* **ABOUT THIS TASK**
Each line from the first down to the one containing "#140=IFCINDEXEDPOLYGONALFACE((3,4,8,7));" should be returned exactly as it appears below.

* **EXERCISE INPUT**
- - -

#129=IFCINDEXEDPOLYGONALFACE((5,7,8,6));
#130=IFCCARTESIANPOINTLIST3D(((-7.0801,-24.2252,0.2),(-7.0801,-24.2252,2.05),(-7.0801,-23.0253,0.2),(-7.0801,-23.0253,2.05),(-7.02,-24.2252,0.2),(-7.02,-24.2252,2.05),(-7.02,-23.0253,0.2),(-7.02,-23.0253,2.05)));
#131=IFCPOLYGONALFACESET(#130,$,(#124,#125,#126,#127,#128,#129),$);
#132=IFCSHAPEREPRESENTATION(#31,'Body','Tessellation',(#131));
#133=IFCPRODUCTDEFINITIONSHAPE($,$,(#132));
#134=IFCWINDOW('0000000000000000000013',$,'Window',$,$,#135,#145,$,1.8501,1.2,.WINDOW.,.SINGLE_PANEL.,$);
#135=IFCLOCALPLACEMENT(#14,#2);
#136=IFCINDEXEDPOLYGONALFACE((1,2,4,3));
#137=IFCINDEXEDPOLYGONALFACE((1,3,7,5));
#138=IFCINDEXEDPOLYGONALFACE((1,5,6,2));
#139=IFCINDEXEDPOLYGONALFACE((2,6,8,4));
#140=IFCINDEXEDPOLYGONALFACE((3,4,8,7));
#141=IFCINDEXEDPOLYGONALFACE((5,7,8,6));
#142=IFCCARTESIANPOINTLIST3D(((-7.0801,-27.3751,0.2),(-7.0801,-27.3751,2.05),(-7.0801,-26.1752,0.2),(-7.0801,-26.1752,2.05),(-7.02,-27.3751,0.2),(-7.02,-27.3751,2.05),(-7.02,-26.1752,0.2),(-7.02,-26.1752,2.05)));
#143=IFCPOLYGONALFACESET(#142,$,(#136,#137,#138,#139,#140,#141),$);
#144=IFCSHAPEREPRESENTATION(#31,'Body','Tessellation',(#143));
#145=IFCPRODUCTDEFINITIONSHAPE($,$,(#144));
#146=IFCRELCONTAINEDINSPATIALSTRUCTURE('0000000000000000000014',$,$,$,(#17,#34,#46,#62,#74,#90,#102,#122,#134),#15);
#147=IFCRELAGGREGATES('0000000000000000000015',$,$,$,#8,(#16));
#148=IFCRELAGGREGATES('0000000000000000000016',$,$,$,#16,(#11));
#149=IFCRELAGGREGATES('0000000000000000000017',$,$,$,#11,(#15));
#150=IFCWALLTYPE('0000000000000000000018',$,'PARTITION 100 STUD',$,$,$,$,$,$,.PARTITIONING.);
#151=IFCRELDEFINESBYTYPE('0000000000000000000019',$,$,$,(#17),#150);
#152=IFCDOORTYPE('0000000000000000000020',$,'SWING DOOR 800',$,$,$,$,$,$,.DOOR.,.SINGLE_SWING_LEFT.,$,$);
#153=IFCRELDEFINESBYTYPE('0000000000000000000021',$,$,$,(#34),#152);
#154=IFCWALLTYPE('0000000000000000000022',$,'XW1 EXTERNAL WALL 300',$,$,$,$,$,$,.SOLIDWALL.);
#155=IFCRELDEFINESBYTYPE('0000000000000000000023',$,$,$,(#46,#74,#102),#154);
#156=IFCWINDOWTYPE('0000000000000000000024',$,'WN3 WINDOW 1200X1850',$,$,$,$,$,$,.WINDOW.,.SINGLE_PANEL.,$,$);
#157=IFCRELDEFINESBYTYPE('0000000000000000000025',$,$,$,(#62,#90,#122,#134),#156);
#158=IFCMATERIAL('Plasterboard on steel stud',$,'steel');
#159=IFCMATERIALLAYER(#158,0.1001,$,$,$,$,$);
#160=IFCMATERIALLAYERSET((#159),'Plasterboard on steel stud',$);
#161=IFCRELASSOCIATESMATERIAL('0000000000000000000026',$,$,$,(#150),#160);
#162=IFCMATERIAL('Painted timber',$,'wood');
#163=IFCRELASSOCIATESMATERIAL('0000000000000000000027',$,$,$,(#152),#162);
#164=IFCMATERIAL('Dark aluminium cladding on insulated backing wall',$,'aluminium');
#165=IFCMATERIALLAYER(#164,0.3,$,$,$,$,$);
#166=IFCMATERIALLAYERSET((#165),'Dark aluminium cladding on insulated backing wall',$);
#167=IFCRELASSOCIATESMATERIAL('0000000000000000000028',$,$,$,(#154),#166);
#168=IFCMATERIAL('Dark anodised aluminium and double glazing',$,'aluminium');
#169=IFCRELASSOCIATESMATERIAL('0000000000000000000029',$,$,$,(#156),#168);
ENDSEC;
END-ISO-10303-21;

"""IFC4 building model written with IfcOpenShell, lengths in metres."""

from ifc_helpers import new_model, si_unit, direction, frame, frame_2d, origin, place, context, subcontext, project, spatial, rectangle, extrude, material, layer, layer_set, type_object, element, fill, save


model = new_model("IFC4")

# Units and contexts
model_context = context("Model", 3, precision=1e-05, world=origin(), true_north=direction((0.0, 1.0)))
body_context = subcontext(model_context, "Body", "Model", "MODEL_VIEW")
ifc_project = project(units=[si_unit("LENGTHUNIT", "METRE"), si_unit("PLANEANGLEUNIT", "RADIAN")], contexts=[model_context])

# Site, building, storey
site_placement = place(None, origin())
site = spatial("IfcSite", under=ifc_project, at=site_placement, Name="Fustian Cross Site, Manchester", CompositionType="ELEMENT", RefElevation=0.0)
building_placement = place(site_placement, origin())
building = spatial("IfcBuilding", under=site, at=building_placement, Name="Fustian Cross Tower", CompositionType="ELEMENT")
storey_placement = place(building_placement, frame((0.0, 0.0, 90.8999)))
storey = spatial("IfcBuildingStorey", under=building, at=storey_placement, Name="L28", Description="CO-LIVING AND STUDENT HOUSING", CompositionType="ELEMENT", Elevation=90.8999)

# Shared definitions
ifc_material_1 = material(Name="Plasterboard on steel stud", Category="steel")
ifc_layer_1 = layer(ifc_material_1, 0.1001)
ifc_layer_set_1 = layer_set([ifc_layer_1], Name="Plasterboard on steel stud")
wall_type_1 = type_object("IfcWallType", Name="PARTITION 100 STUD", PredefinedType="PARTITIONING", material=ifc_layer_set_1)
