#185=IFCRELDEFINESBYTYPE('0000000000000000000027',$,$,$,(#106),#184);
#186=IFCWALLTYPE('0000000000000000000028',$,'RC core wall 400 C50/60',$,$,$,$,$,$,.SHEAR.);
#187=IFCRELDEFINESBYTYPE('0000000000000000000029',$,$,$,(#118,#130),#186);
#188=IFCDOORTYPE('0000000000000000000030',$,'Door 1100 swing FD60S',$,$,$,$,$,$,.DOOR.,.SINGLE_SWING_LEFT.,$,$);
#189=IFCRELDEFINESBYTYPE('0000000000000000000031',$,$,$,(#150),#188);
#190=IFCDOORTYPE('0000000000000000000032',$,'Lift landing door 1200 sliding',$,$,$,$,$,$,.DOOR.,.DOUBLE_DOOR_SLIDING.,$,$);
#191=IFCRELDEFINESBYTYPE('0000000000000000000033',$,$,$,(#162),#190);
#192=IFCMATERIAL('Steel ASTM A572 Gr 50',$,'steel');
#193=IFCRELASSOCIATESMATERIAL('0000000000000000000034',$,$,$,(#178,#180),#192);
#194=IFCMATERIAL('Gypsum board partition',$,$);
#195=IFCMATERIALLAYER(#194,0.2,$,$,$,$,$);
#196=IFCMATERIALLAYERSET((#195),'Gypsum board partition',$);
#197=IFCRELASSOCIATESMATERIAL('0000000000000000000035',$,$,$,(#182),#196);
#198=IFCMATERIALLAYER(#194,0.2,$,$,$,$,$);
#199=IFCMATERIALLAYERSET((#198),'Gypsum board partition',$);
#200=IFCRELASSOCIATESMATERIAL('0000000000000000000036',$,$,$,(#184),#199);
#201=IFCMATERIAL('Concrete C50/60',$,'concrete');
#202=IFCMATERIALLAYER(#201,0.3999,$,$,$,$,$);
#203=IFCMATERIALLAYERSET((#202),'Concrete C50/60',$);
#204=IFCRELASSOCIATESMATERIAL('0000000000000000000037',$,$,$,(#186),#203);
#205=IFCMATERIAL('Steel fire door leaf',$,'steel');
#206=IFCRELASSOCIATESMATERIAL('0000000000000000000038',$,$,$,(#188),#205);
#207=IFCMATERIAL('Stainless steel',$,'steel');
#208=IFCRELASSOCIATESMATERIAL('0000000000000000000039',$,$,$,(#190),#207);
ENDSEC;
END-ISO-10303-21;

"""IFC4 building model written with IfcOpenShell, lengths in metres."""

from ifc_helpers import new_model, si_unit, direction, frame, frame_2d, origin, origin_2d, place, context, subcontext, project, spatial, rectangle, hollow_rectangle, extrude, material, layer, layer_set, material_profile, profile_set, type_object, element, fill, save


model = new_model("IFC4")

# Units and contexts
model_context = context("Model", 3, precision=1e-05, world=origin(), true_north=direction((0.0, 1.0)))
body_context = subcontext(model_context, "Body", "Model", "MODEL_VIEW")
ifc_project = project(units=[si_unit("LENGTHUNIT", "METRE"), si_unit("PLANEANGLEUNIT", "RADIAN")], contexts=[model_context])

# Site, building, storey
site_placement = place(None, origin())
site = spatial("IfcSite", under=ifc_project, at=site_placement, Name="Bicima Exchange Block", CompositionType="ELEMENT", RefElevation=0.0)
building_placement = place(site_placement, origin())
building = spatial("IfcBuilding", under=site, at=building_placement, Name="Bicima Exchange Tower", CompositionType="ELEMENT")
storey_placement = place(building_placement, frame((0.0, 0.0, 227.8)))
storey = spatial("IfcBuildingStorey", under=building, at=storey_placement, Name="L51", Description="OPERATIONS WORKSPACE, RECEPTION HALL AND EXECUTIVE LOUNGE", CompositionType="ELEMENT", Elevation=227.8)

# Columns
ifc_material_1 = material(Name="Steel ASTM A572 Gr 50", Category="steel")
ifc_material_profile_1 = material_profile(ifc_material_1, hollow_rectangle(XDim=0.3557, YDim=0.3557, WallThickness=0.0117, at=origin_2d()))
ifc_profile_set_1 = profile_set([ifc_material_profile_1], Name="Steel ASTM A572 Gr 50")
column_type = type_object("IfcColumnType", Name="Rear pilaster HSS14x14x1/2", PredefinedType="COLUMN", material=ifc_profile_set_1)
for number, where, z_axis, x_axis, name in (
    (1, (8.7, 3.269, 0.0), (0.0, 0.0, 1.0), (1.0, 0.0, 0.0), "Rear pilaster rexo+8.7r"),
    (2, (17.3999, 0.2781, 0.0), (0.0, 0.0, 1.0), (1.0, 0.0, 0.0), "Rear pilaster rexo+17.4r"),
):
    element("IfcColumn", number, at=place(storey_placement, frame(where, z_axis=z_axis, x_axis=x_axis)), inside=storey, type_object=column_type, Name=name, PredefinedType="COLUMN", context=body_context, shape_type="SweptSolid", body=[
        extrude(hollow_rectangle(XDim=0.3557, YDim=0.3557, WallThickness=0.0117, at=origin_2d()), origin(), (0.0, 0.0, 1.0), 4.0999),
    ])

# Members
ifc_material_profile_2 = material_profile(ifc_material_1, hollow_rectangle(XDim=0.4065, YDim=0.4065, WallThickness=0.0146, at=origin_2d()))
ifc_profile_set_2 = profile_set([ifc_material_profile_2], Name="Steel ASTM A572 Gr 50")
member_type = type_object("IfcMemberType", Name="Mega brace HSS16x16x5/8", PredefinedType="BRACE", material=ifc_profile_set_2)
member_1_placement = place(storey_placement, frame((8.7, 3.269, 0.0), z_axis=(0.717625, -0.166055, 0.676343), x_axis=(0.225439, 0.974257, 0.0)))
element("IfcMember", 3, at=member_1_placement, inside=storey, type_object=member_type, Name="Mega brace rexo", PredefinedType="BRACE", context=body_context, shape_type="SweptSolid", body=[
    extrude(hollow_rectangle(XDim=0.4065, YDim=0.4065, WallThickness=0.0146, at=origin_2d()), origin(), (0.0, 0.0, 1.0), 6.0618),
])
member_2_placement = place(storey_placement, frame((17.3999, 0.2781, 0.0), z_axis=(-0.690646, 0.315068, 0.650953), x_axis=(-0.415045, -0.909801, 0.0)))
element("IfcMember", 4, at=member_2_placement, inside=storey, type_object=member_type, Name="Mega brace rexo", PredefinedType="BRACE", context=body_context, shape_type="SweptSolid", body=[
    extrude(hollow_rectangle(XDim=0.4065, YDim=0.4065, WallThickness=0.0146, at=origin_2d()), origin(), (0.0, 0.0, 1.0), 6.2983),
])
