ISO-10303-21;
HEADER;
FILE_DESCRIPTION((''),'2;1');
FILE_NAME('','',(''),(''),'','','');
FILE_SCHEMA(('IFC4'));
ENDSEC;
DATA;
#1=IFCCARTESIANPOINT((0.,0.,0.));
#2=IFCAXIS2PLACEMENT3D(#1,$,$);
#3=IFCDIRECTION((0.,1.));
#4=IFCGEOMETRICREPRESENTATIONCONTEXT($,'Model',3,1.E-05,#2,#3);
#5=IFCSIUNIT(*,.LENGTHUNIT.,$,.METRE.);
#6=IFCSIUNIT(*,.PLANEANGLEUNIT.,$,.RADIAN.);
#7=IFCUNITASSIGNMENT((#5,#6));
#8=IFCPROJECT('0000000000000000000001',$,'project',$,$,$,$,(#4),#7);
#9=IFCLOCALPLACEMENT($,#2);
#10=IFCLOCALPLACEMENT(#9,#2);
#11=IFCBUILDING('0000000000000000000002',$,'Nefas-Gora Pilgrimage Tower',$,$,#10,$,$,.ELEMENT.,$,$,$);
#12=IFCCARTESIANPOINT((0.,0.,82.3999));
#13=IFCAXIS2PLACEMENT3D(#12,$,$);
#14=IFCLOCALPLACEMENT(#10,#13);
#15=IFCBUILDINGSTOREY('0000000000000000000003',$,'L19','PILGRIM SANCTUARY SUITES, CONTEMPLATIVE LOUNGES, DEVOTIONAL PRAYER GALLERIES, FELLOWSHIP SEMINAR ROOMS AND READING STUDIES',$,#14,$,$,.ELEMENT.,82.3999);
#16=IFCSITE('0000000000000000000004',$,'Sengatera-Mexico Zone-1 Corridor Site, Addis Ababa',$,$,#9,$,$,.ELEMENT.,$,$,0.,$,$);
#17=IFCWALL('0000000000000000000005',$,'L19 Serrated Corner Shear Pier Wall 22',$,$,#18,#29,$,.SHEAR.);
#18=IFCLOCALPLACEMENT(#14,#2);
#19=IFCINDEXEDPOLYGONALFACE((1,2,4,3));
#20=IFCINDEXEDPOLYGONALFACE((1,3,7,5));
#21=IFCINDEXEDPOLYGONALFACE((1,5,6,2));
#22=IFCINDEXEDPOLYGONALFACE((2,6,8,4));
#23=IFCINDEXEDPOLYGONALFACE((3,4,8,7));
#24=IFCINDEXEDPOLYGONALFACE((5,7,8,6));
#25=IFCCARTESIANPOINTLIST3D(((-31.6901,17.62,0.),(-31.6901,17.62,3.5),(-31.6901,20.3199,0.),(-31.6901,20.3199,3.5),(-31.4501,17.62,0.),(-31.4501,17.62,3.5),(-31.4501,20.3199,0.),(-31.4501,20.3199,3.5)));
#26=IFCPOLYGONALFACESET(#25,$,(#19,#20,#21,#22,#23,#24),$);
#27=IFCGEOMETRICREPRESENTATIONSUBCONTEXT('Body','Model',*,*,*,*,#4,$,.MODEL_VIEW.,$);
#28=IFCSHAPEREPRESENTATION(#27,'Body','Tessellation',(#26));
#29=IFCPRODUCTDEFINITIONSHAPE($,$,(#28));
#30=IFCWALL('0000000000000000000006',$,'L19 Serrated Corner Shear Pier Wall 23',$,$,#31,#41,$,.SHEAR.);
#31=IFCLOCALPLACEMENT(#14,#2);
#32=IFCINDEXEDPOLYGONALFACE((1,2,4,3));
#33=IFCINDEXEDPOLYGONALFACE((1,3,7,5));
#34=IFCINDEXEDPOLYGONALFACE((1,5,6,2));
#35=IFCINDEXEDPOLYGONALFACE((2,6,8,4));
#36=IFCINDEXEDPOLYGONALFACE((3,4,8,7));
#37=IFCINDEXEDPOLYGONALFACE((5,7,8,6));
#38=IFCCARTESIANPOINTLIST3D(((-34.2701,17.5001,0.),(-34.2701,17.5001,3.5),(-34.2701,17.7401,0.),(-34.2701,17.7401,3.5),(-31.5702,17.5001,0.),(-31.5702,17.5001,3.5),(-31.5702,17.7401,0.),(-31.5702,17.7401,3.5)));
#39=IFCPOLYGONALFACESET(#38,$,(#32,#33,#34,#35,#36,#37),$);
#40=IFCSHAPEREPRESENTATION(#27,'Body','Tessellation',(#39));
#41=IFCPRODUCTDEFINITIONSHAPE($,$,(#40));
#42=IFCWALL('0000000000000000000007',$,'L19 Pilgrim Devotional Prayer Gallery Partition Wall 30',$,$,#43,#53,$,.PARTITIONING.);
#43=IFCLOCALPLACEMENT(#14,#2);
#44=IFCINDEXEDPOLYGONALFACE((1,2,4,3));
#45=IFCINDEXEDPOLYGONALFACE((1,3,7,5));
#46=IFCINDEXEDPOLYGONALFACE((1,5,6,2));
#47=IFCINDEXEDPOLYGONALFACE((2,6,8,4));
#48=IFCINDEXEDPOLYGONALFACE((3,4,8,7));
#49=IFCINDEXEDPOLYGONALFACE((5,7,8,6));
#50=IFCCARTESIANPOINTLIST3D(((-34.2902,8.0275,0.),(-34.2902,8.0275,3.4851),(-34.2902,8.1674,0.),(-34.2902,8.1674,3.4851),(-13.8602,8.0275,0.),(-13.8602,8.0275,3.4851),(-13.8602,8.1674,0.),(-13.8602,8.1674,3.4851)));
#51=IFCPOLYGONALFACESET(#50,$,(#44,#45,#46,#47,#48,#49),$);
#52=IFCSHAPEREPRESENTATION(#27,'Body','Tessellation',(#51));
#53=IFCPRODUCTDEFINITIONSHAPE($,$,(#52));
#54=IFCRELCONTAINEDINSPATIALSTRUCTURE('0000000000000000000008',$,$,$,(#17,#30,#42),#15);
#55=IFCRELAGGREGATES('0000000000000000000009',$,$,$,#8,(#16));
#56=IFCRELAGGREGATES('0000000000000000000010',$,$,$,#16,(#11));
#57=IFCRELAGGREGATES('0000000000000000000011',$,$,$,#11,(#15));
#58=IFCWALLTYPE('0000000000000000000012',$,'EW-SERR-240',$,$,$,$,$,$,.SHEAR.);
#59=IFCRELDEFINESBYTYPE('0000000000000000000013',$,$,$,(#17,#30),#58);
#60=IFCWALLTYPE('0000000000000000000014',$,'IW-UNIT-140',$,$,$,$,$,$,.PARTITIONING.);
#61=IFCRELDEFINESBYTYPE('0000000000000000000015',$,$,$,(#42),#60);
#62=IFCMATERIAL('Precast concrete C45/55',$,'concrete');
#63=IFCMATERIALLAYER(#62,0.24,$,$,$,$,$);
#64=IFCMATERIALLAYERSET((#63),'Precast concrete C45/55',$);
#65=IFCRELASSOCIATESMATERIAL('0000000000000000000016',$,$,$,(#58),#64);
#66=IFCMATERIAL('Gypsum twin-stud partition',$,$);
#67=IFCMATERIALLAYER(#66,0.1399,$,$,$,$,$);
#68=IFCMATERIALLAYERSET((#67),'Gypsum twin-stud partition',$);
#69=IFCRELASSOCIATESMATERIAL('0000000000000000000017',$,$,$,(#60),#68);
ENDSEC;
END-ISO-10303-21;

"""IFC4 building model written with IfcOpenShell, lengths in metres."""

from ifc_helpers import new_model, si_unit, direction, frame, frame_2d, origin, place, context, subcontext, project, spatial, rectangle, extrude, source, transform, mapped, material, layer, layer_set, type_object, element, save


model = new_model("IFC4")

# Units and contexts
model_context = context("Model", 3, precision=1e-05, world=origin(), true_north=direction((0.0, 1.0)))
body_context = subcontext(model_context, "Body", "Model", "MODEL_VIEW")
ifc_project = project(units=[si_unit("LENGTHUNIT", "METRE"), si_unit("PLANEANGLEUNIT", "RADIAN")], contexts=[model_context])

# Site, building, storey
site_placement = place(None, origin())
site = spatial("IfcSite", under=ifc_project, at=site_placement, Name="Sengatera-Mexico Zone-1 Corridor Site, Addis Ababa", CompositionType="ELEMENT", RefElevation=0.0)
building_placement = place(site_placement, origin())
building = spatial("IfcBuilding", under=site, at=building_placement, Name="Nefas-Gora Pilgrimage Tower", CompositionType="ELEMENT")
storey_placement = place(building_placement, frame((0.0, 0.0, 82.3999)))
storey = spatial("IfcBuildingStorey", under=building, at=storey_placement, Name="L19", Description="PILGRIM SANCTUARY SUITES, CONTEMPLATIVE LOUNGES, DEVOTIONAL PRAYER GALLERIES, FELLOWSHIP SEMINAR ROOMS AND READING STUDIES", CompositionType="ELEMENT", Elevation=82.3999)

# Shared definitions
ifc_material_1 = material(Name="Precast concrete C45/55", Category="concrete")
ifc_layer_1 = layer(ifc_material_1, 0.24)
ifc_layer_set_1 = layer_set([ifc_layer_1], Name="Precast concrete C45/55")
wall_type_1 = type_object("IfcWallType", Name="EW-SERR-240", PredefinedType="SHEAR", material=ifc_layer_set_1)
shared_shape_1 = source(origin(), body_context, "Body", "SweptSolid", [
    extrude(rectangle(XDim=2.7, YDim=0.24, at=frame_2d((1.3501, 0.0))), origin(), (0.0, 0.0, 1.0), 3.5),
])

# Walls
for number, where, z_axis, x_axis, name in (
    (1, (-31.5701, 20.3201, 0.0), (0.0, 0.0, 1.0), (0.0, -1.0, 0.0), "L19 Serrated Corner Shear Pier Wall 22"),
    (2, (-31.5701, 17.6201, 0.0), (0.0, 0.0, 1.0), (-1.0, 0.0, 0.0), "L19 Serrated Corner Shear Pier Wall 23"),
):
    element("IfcWall", number, at=place(storey_placement, frame(where, z_axis=z_axis, x_axis=x_axis)), inside=storey, type_object=wall_type_1, Name=name, PredefinedType="SHEAR", context=body_context, shape_type="MappedRepresentation", body=[
        mapped(shared_shape_1, transform((0.0, 0.0, 0.0), x_axis=(1.0, 0.0, 0.0), y_axis=(0.0, 1.0, 0.0), z_axis=(0.0, 0.0, 1.0), scale=1.0)),
    ])
ifc_material_2 = material(Name="Gypsum twin-stud partition")
ifc_layer_2 = layer(ifc_material_2, 0.1399)
ifc_layer_set_2 = layer_set([ifc_layer_2], Name="Gypsum twin-stud partition")
wall_type_2 = type_object("IfcWallType", Name="IW-UNIT-140", PredefinedType="PARTITIONING", material=ifc_layer_set_2)
shared_shape_2 = source(origin(), body_context, "Body", "SweptSolid", [
    extrude(rectangle(XDim=20.4299, YDim=0.1399, at=frame_2d((10.2148, 0.0))), origin(), (0.0, 0.0, 1.0), 3.4851),
])
wall_1_placement = place(storey_placement, frame((-34.29, 8.0974, 0.0), z_axis=(0.0, 0.0, 1.0), x_axis=(1.0, 0.0, 0.0)))
element("IfcWall", 3, at=wall_1_placement, inside=storey, type_object=wall_type_2, Name="L19 Pilgrim Devotional Prayer Gallery Partition Wall 30", PredefinedType="PARTITIONING", context=body_context, shape_type="MappedRepresentation", body=[
    mapped(shared_shape_2, transform((0.0, 0.0, 0.0), x_axis=(1.0, 0.0, 0.0), y_axis=(0.0, 1.0, 0.0), z_axis=(0.0, 0.0, 1.0), scale=1.0)),
])

save(model, "model.ifc")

- - -

* **RESPONSE**
#129=IFCINDEXEDPOLYGONALFACE((5,7,8,6));
#130=IFCCARTESIANPOINTLIST3D(((-7.0801,-24.2252,0.2),(-7.0801,-24.2252,2.05),(-7.0801,-23.0253,0.2),(-7.0801,-23.0253,2.05),(-7.02,-24.2252,0.2),(-7.02,-24.2252,2.05),(-7.02,-23.0253,0.2),(-7.02,-23.0253,2.05)));
#131=IFCPOLYGONALFACESET(#130,$,(#124,#125,#126,#127,#128,#129),$);
#132=IFCSHAPEREPRESENTATION(#31,'Body','Tessellation',(#131));
#133=IFCPRODUCTDEFINITIONSHAPE($,$,(#132));
#134=IFCWINDOW('0000000000000000000013',$,'Window',$,$,#135,#145,$,1.8501,1.2,.WINDOW.,.SINGLE_PANEL.,$);
#135=IFCLOCALPLACEMENT(#14,#2);
#136=IFCINDEXEDPOLYGONALFACE((1,2,4,3));
#137=IFCINDEXEDPOLYGONALFACE((1,3,7,5));
#138=IFCINDEXEDPOLYGONALFACE((1,5,6,2));
#139=IFCINDEXEDPOLYGONALFACE((2,6,8,4));
#140=IFCINDEXEDPOLYGONALFACE((3,4,8,7));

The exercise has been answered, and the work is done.